==== Records supplied
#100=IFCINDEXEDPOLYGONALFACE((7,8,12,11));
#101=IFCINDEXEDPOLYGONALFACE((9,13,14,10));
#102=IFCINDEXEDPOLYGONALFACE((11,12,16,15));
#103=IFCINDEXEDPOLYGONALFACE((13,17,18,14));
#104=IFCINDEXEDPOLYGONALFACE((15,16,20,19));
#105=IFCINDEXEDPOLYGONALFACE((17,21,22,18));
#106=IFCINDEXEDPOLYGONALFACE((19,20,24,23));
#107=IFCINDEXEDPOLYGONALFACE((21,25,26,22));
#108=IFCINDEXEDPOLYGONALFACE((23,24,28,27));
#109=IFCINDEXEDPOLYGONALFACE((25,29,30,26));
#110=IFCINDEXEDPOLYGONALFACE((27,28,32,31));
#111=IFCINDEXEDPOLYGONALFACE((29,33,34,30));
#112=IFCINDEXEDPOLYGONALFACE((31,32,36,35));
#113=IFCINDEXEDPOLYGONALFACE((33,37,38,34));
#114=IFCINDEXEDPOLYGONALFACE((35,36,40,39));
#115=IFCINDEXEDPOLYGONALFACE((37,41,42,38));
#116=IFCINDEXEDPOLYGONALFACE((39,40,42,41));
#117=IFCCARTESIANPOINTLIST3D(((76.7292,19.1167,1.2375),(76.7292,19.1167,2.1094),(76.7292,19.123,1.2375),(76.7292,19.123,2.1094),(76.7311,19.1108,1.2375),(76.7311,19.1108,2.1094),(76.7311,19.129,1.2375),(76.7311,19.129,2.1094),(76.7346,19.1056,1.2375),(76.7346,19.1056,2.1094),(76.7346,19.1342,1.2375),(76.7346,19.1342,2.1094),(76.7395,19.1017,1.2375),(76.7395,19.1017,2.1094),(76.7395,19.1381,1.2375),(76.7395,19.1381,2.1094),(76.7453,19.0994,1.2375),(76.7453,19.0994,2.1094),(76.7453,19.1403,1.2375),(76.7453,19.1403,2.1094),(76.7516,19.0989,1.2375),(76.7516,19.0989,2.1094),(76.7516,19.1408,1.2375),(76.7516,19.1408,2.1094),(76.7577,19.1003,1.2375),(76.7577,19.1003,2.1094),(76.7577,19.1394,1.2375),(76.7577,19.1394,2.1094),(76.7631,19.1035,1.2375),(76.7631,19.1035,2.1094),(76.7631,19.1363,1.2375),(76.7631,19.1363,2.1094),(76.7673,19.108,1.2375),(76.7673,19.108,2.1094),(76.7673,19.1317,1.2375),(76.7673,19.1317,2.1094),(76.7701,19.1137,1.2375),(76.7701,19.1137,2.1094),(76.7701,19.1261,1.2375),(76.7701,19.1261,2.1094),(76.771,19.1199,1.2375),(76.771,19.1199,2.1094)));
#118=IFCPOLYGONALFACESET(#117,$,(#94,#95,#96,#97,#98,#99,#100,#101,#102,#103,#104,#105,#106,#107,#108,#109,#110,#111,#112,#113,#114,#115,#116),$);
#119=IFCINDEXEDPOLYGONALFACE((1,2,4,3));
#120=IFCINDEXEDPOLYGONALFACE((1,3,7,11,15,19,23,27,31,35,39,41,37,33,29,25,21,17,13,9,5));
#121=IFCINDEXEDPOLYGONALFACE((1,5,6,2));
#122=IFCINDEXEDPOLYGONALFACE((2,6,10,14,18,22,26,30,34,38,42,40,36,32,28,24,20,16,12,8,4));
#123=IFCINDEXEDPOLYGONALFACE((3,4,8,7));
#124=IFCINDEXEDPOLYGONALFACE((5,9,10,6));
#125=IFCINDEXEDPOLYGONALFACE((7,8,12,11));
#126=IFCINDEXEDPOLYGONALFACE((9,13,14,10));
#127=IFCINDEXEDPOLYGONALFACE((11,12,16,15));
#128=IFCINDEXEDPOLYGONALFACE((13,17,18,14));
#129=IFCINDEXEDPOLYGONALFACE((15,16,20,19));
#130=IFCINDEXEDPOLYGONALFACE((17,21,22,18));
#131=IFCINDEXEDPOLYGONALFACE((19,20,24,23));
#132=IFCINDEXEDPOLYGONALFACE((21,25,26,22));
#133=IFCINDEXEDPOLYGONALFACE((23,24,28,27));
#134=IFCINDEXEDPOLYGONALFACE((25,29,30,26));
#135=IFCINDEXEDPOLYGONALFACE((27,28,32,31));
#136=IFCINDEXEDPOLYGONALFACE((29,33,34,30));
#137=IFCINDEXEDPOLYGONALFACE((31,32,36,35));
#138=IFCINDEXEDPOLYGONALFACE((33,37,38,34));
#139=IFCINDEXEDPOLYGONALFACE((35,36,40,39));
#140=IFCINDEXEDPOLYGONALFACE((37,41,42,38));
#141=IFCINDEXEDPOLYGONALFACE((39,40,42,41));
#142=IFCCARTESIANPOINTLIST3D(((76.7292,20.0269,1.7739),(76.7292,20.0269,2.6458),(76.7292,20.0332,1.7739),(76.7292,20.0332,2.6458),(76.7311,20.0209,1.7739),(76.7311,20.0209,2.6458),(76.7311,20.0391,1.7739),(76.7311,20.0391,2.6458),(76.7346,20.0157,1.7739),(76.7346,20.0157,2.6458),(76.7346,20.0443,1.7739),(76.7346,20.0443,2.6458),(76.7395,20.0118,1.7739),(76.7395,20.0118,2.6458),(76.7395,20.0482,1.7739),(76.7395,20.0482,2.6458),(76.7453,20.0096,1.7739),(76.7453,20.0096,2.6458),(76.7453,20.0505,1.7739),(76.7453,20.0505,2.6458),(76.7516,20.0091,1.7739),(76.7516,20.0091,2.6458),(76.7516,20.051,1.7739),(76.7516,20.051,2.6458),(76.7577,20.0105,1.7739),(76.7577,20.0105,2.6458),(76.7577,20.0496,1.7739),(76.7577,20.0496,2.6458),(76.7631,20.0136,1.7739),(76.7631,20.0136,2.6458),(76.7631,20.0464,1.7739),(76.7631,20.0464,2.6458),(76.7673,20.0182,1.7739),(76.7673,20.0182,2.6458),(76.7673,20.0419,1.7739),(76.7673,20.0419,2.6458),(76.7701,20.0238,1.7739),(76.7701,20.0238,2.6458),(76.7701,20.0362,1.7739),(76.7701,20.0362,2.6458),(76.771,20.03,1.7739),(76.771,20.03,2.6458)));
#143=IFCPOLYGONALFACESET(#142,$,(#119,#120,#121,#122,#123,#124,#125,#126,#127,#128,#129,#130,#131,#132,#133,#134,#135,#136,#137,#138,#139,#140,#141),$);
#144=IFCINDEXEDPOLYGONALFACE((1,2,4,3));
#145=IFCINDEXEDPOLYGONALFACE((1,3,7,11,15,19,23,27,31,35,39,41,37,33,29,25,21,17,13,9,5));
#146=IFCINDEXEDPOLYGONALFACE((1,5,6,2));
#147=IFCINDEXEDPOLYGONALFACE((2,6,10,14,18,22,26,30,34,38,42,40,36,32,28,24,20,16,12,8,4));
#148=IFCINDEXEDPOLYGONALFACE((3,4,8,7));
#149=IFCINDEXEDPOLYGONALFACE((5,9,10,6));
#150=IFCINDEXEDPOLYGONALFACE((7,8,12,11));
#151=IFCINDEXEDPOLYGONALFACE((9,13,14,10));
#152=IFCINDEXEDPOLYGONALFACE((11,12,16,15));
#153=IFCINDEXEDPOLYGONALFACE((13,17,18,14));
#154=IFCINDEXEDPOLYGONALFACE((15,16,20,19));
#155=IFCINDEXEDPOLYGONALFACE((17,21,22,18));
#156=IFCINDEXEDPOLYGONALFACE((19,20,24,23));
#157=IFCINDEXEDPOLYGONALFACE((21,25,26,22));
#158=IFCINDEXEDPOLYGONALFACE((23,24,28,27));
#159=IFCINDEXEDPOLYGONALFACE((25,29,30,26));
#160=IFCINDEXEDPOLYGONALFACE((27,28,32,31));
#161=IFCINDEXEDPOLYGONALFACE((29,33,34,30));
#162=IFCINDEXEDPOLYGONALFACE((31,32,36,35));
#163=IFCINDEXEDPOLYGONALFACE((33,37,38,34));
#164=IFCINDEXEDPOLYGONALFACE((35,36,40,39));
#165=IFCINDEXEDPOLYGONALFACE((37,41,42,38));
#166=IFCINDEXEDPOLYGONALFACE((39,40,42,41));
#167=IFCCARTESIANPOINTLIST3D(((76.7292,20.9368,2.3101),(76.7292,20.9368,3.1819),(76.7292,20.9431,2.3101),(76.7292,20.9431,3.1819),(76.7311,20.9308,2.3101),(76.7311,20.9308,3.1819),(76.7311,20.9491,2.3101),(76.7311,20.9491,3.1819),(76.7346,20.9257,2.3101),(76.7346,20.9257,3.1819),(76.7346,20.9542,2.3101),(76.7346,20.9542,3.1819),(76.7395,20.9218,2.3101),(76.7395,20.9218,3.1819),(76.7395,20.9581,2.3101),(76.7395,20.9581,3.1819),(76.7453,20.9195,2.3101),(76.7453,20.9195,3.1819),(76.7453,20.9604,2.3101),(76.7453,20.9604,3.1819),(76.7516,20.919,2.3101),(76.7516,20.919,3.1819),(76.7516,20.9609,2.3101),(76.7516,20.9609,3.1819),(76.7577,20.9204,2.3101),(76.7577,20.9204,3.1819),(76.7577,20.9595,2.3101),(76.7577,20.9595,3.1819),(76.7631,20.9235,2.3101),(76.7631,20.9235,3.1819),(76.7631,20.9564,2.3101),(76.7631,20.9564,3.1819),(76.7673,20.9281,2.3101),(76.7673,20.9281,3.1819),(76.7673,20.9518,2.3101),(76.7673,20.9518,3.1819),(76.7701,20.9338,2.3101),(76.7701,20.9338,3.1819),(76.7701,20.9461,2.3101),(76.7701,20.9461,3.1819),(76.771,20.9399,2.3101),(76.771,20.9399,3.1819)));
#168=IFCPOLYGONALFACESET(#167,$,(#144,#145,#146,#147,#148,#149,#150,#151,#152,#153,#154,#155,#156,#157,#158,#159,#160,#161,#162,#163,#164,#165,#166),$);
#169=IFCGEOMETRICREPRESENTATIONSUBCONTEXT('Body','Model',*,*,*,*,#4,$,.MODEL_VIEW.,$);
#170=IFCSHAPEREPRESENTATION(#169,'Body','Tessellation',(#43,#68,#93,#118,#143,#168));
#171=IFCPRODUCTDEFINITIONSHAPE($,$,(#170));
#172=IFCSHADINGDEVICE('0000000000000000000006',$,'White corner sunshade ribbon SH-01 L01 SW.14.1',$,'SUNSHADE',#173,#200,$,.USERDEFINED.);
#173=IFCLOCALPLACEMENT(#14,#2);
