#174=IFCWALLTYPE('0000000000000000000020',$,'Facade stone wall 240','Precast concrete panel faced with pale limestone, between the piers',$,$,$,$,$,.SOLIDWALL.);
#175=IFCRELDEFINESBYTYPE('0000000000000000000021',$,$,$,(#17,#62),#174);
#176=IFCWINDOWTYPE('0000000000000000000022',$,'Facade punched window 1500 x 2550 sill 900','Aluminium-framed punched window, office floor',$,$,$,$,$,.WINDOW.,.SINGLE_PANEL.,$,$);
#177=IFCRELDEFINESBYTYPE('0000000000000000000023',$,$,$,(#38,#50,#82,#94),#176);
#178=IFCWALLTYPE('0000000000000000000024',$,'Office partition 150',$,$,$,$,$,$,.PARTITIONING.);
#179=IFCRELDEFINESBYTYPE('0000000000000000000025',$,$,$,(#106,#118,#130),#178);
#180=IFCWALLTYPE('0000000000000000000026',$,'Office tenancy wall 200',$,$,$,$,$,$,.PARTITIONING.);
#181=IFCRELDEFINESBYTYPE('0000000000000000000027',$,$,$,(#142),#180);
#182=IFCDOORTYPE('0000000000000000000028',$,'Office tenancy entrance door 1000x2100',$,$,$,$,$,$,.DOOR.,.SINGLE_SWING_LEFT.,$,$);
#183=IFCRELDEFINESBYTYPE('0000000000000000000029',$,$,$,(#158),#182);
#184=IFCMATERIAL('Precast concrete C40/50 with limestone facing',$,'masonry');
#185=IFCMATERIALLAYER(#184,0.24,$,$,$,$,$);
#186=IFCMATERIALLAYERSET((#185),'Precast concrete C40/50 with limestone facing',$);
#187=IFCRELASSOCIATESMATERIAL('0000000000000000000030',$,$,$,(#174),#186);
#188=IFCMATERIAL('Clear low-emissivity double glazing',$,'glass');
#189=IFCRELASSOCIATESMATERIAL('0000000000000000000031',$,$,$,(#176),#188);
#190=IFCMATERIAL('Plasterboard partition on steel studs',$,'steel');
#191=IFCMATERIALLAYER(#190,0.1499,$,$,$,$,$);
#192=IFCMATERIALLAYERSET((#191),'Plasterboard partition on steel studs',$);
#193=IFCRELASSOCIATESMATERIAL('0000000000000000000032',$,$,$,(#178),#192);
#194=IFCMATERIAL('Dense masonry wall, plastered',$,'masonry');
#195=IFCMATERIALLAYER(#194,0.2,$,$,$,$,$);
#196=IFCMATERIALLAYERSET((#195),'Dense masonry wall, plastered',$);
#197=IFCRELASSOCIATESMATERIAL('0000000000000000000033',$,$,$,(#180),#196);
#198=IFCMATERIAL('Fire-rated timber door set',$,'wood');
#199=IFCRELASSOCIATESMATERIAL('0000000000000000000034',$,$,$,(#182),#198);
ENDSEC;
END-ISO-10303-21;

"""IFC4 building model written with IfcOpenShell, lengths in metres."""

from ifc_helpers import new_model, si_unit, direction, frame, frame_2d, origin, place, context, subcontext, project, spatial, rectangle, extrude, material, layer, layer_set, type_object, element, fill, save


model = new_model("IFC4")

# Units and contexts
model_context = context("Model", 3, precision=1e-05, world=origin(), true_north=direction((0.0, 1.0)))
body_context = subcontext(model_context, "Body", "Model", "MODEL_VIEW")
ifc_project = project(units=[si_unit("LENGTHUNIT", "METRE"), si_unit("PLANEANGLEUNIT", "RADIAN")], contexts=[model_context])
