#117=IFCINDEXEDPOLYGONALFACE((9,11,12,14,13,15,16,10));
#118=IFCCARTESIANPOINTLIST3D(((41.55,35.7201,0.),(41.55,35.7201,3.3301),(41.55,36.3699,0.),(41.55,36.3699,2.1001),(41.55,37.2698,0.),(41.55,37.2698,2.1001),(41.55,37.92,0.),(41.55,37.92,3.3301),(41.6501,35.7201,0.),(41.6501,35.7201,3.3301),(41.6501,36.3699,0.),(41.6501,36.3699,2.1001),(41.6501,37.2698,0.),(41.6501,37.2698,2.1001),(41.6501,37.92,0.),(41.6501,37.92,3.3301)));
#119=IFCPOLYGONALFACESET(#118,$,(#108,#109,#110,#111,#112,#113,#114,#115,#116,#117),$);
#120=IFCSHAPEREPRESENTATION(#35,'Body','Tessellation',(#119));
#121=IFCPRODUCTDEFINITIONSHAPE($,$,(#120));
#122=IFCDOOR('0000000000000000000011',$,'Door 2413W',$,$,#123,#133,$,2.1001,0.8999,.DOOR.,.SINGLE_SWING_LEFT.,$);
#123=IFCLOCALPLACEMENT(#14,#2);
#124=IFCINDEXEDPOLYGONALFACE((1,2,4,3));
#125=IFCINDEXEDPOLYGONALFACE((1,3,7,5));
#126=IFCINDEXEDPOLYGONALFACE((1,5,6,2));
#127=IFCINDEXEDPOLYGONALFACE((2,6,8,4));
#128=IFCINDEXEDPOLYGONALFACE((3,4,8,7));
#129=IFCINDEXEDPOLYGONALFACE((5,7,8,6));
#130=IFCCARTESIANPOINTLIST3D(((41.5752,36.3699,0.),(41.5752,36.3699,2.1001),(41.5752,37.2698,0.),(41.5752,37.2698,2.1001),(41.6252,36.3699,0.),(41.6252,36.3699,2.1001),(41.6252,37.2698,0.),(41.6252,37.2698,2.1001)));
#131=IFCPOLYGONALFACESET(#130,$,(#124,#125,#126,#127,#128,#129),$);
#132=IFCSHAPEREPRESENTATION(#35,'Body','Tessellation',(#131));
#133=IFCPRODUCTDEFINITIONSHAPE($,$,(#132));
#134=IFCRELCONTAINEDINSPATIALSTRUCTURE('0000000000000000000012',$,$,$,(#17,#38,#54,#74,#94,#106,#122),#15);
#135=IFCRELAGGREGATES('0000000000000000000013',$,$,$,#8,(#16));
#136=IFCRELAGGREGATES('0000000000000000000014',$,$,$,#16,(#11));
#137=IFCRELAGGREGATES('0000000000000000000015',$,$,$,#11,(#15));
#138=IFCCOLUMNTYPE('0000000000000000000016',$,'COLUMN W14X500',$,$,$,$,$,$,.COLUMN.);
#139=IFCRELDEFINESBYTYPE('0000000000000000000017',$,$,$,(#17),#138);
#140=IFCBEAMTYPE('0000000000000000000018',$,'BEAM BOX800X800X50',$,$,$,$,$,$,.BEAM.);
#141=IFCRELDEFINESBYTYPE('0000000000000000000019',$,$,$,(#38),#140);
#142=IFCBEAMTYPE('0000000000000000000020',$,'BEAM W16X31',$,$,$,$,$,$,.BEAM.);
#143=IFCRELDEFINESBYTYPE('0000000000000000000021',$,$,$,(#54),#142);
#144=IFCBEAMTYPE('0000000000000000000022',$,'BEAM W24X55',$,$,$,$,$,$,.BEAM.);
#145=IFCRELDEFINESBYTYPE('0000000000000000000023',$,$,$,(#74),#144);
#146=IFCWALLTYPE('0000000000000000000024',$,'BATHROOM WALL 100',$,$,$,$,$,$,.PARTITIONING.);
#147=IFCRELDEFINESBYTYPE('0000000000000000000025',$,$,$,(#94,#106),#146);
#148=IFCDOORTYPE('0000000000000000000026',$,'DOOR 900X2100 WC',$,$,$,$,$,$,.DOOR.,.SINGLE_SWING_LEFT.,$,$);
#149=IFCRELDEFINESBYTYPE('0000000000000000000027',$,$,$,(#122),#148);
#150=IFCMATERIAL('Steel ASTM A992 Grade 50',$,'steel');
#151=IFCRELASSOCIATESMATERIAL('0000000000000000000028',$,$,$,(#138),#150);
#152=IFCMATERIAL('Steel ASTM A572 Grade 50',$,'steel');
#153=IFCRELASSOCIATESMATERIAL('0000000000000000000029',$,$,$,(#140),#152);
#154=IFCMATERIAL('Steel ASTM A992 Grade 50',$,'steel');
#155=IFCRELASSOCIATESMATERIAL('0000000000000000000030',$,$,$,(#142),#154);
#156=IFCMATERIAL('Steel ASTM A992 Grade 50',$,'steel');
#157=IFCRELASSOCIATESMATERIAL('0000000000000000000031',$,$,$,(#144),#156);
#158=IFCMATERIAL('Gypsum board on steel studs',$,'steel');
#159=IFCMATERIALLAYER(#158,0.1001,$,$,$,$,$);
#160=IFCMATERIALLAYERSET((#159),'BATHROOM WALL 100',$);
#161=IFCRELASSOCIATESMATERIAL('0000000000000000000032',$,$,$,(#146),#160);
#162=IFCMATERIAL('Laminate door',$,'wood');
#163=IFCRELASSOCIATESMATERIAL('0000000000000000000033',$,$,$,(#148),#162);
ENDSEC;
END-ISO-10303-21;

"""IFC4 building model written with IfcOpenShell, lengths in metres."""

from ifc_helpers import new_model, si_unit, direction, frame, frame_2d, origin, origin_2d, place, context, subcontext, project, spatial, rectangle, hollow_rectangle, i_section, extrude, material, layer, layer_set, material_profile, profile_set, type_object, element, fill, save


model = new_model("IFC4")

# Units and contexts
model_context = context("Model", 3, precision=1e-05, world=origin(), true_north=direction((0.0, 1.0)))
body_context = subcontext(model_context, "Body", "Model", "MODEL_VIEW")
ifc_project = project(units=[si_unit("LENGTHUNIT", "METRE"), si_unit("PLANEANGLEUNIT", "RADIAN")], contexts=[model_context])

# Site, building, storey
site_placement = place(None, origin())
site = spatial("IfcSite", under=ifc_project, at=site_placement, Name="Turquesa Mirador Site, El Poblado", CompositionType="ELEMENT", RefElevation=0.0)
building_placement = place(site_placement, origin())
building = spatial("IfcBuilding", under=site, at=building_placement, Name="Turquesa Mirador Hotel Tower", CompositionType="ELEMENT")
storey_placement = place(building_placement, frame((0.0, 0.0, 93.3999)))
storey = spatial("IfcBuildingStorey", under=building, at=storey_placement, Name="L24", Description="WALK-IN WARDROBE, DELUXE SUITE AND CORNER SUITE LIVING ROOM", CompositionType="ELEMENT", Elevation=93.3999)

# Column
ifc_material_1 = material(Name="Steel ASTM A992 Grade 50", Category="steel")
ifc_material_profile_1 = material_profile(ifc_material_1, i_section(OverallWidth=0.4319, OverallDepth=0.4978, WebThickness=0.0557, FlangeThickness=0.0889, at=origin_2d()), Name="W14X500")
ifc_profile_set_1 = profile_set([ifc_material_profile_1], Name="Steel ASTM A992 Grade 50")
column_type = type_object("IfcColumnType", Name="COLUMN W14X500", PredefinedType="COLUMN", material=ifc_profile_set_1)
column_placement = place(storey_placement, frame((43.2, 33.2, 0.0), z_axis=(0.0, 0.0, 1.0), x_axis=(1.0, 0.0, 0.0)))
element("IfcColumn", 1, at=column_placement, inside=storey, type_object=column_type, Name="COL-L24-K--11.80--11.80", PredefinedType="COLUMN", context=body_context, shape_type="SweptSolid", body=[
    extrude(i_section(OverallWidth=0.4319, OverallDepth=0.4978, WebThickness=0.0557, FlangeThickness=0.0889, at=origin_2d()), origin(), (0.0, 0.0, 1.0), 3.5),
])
========
* Work to complete: Among the entries above, the line containing "#121=IFCINDEXEDPOLYGONALFACE((1,5,6,2));", the line containing "#130=IFCINDEXEDPOLYGONALFACE((17,21,22,18));", and all lines between them are to be restated word for word; nothing else belongs in the reply.

* Exercise result:
#121=IFCINDEXEDPOLYGONALFACE((1,5,6,2));
#122=IFCINDEXEDPOLYGONALFACE((2,6,10,14,18,22,26,30,34,38,42,40,36,32,28,24,20,16,12,8,4));
#123=IFCINDEXEDPOLYGONALFACE((3,4,8,7));
#124=IFCINDEXEDPOLYGONALFACE((5,9,10,6));
#125=IFCINDEXEDPOLYGONALFACE((7,8,12,11));
#126=IFCINDEXEDPOLYGONALFACE((9,13,14,10));
#127=IFCINDEXEDPOLYGONALFACE((11,12,16,15));
#128=IFCINDEXEDPOLYGONALFACE((13,17,18,14));
#129=IFCINDEXEDPOLYGONALFACE((15,16,20,19));
#130=IFCINDEXEDPOLYGONALFACE((17,21,22,18));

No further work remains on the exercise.